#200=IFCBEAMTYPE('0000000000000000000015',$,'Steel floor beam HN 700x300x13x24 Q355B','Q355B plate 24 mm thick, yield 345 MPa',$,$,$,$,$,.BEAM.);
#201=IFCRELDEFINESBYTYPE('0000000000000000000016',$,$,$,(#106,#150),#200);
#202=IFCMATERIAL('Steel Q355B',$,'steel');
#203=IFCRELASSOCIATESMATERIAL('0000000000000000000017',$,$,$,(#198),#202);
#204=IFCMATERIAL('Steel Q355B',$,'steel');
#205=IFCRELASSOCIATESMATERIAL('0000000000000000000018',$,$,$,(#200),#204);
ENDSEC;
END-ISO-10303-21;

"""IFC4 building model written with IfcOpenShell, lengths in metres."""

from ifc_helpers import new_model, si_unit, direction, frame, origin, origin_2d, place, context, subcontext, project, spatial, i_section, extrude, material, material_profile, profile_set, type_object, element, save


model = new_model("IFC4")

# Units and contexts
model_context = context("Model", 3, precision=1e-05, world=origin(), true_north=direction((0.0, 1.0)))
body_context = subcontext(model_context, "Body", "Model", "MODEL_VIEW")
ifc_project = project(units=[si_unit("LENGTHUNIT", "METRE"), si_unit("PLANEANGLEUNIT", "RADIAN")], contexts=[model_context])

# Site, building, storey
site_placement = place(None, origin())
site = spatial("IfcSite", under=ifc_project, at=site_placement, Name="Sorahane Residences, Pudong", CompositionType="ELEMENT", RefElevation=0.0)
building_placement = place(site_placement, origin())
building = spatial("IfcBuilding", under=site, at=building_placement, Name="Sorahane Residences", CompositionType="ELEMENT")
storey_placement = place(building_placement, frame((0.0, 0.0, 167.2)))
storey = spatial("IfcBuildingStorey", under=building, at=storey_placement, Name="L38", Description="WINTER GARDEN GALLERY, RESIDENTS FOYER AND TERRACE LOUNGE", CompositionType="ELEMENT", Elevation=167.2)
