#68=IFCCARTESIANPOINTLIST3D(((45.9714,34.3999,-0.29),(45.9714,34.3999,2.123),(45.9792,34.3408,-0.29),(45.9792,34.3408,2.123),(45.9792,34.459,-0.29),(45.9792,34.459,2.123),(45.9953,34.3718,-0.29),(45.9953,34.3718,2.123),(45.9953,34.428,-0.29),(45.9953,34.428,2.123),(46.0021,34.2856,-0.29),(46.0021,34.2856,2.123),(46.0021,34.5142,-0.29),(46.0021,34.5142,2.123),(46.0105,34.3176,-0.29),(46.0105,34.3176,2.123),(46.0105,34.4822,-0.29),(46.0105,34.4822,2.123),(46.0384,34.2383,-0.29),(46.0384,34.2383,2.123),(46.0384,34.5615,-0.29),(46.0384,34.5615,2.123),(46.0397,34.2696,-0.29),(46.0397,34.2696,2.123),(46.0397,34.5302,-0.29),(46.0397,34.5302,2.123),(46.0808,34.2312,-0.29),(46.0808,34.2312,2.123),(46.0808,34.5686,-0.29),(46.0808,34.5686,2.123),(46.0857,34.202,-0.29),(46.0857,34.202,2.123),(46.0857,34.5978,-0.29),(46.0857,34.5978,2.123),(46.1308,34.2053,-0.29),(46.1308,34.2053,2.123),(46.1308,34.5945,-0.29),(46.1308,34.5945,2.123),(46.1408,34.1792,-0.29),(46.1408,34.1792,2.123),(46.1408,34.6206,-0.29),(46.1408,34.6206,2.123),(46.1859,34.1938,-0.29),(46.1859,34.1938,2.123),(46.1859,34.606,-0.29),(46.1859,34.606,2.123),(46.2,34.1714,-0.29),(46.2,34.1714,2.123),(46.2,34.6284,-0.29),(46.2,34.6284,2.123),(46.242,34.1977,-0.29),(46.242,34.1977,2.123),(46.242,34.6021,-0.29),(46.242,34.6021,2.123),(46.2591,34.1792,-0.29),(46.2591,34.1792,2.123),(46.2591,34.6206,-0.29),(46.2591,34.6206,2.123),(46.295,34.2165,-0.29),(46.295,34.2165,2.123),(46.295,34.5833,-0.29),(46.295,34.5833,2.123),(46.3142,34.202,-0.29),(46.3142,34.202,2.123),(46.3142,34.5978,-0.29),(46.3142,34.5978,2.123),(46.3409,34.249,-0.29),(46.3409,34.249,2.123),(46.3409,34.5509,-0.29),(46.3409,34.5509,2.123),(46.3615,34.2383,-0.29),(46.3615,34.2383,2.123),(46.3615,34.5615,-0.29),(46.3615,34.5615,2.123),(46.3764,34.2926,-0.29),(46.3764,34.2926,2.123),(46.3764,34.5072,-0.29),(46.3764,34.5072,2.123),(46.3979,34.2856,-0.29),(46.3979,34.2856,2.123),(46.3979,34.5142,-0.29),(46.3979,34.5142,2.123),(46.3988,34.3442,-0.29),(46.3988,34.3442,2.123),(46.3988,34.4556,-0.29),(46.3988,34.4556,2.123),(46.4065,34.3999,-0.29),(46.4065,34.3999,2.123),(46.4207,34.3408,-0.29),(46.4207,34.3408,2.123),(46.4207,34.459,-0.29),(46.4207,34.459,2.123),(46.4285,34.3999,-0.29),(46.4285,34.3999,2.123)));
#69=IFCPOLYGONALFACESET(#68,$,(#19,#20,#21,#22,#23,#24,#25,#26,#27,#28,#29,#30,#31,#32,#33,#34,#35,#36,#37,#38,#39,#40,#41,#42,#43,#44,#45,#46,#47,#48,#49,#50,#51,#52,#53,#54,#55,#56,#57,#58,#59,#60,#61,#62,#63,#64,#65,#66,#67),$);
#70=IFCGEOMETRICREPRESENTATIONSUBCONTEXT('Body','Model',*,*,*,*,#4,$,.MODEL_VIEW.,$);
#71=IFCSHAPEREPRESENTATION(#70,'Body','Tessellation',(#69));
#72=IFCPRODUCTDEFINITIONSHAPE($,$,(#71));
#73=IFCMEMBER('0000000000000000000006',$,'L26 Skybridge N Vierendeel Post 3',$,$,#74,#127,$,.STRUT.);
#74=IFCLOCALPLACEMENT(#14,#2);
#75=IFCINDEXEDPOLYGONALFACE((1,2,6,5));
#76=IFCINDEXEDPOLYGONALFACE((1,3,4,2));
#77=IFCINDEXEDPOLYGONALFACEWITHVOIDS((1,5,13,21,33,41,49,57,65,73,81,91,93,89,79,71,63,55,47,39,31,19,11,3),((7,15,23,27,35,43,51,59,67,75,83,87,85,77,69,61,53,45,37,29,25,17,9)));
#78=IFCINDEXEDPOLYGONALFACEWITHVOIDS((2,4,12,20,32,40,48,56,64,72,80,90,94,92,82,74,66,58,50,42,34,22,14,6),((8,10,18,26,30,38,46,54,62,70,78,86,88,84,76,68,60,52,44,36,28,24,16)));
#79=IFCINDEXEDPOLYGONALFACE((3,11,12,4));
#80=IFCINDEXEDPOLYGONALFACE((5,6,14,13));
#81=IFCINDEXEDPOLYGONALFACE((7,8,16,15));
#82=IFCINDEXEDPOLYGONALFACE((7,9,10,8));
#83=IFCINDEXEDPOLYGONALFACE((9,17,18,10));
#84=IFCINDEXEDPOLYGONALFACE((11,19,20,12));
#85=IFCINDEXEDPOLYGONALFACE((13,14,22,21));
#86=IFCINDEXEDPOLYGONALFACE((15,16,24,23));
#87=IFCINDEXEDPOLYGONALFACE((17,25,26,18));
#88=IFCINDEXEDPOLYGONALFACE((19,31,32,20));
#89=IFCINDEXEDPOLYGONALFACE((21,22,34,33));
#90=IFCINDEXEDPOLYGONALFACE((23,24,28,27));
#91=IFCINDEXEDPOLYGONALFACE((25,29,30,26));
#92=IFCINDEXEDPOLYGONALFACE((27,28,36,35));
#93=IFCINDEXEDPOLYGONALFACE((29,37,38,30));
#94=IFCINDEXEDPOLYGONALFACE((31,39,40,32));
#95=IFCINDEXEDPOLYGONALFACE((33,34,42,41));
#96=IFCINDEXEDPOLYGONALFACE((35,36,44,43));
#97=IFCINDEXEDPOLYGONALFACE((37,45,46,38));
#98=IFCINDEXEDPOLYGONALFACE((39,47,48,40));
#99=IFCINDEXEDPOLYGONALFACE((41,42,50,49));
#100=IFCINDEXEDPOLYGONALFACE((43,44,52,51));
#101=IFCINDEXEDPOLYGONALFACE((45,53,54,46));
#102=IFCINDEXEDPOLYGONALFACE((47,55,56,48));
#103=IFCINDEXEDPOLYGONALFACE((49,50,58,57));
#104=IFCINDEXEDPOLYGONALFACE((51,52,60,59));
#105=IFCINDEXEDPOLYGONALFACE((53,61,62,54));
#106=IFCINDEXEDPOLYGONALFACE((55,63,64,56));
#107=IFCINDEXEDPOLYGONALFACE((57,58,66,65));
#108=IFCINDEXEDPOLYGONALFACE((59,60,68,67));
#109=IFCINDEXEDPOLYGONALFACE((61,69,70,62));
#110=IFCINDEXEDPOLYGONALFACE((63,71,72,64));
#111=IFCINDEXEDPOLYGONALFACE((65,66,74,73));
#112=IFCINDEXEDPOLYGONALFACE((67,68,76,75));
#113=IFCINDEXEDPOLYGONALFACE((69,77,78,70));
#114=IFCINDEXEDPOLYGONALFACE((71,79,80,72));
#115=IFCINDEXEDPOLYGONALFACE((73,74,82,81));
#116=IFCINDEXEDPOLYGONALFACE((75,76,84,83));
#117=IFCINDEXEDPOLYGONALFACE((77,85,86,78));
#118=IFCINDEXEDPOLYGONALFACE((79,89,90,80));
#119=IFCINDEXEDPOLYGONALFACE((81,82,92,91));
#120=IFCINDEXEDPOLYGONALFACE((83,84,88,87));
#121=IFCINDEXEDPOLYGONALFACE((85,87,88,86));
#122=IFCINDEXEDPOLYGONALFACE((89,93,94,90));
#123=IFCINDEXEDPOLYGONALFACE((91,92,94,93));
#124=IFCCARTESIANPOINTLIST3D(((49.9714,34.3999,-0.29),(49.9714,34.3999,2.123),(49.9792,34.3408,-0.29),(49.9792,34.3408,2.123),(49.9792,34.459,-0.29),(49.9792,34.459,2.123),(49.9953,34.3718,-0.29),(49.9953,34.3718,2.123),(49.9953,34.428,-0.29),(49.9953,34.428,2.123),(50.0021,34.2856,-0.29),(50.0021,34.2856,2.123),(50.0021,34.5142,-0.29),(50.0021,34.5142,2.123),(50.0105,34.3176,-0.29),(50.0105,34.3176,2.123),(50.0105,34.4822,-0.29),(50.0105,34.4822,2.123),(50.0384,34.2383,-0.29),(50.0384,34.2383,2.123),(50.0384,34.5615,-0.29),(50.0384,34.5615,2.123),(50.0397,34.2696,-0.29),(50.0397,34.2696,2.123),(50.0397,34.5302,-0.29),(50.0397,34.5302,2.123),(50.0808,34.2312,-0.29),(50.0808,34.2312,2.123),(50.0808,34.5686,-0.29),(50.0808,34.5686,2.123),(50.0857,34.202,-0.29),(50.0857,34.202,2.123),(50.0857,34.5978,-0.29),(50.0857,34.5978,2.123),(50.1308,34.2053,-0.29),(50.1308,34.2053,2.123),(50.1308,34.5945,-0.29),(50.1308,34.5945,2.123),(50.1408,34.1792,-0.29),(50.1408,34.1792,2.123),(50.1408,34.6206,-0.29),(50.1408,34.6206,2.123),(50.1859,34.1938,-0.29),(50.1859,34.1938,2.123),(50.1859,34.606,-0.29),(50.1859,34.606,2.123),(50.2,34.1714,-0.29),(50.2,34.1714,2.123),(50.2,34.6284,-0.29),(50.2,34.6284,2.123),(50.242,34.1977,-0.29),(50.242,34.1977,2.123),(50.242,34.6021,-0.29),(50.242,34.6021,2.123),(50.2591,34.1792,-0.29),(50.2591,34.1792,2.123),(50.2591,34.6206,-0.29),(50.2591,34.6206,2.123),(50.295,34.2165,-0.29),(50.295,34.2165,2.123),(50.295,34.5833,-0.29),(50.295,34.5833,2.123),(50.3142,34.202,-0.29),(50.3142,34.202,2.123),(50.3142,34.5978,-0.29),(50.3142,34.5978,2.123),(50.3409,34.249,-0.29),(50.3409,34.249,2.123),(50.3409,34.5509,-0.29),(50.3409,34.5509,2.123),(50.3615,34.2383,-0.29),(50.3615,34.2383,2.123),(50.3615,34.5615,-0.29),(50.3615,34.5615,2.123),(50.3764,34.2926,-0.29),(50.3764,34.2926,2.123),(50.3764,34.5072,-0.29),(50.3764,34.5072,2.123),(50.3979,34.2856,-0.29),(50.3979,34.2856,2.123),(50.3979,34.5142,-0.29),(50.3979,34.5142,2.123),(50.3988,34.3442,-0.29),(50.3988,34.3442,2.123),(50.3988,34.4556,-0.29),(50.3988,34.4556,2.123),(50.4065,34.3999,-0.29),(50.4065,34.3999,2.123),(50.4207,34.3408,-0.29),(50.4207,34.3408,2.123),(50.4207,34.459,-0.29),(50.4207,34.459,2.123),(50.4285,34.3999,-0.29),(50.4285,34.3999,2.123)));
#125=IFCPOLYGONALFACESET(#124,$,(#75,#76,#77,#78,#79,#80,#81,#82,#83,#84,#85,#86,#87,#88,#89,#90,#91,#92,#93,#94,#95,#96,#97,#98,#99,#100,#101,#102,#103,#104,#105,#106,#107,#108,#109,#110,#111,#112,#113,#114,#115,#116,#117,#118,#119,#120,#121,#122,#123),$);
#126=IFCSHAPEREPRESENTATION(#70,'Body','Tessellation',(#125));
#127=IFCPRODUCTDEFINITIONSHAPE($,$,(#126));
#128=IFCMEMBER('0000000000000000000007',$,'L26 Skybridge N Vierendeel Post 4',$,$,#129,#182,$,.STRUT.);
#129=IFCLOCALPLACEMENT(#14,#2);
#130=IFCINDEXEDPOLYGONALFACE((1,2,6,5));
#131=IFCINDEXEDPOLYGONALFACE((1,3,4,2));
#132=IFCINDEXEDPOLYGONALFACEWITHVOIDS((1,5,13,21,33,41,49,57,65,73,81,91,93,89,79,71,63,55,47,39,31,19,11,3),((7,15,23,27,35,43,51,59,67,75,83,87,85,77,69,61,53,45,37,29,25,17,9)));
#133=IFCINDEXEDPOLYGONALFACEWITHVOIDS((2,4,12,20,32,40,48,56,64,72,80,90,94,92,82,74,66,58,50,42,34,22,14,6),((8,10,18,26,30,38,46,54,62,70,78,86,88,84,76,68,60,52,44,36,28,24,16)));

-=-=-=-=-

▸ TASK
Search the listing above for "IFCLOCALPLACEMENT" and copy every line that has it.

▸ FINISHED EXERCISE
#74=IFCLOCALPLACEMENT(#14,#2);
#129=IFCLOCALPLACEMENT(#14,#2);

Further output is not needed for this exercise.